_What you will do_.
Reproduce the tail of the data exactly. It starts at the line containing "#178=IFCINDEXEDPOLYGONALFACE((1,5,6,2));" and runs to the last line.

_Input material_.
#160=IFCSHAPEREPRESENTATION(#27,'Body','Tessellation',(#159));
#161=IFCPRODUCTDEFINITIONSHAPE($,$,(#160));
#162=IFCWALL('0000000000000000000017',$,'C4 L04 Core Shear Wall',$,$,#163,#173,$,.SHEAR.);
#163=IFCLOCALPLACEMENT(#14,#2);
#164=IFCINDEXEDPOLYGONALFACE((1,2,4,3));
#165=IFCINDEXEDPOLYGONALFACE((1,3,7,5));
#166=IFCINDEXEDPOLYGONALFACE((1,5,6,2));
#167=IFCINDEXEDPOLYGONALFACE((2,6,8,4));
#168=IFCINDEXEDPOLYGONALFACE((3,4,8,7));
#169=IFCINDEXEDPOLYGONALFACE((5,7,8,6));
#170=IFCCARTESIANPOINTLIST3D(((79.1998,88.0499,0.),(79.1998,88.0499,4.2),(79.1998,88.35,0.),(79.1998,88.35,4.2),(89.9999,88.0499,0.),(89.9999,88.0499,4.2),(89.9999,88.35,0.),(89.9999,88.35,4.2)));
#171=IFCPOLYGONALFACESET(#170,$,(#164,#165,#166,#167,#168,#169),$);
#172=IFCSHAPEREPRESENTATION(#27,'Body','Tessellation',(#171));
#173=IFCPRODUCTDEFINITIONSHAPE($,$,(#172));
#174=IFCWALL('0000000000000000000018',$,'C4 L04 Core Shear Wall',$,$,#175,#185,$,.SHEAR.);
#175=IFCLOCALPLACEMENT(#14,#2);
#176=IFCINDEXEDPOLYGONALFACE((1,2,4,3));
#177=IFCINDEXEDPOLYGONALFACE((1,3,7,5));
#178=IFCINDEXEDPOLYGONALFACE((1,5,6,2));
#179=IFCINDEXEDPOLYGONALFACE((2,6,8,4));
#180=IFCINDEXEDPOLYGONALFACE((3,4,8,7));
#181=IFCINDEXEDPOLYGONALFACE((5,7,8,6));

_Response below_.
#178=IFCINDEXEDPOLYGONALFACE((1,5,6,2));
#179=IFCINDEXEDPOLYGONALFACE((2,6,8,4));
#180=IFCINDEXEDPOLYGONALFACE((3,4,8,7));
#181=IFCINDEXEDPOLYGONALFACE((5,7,8,6));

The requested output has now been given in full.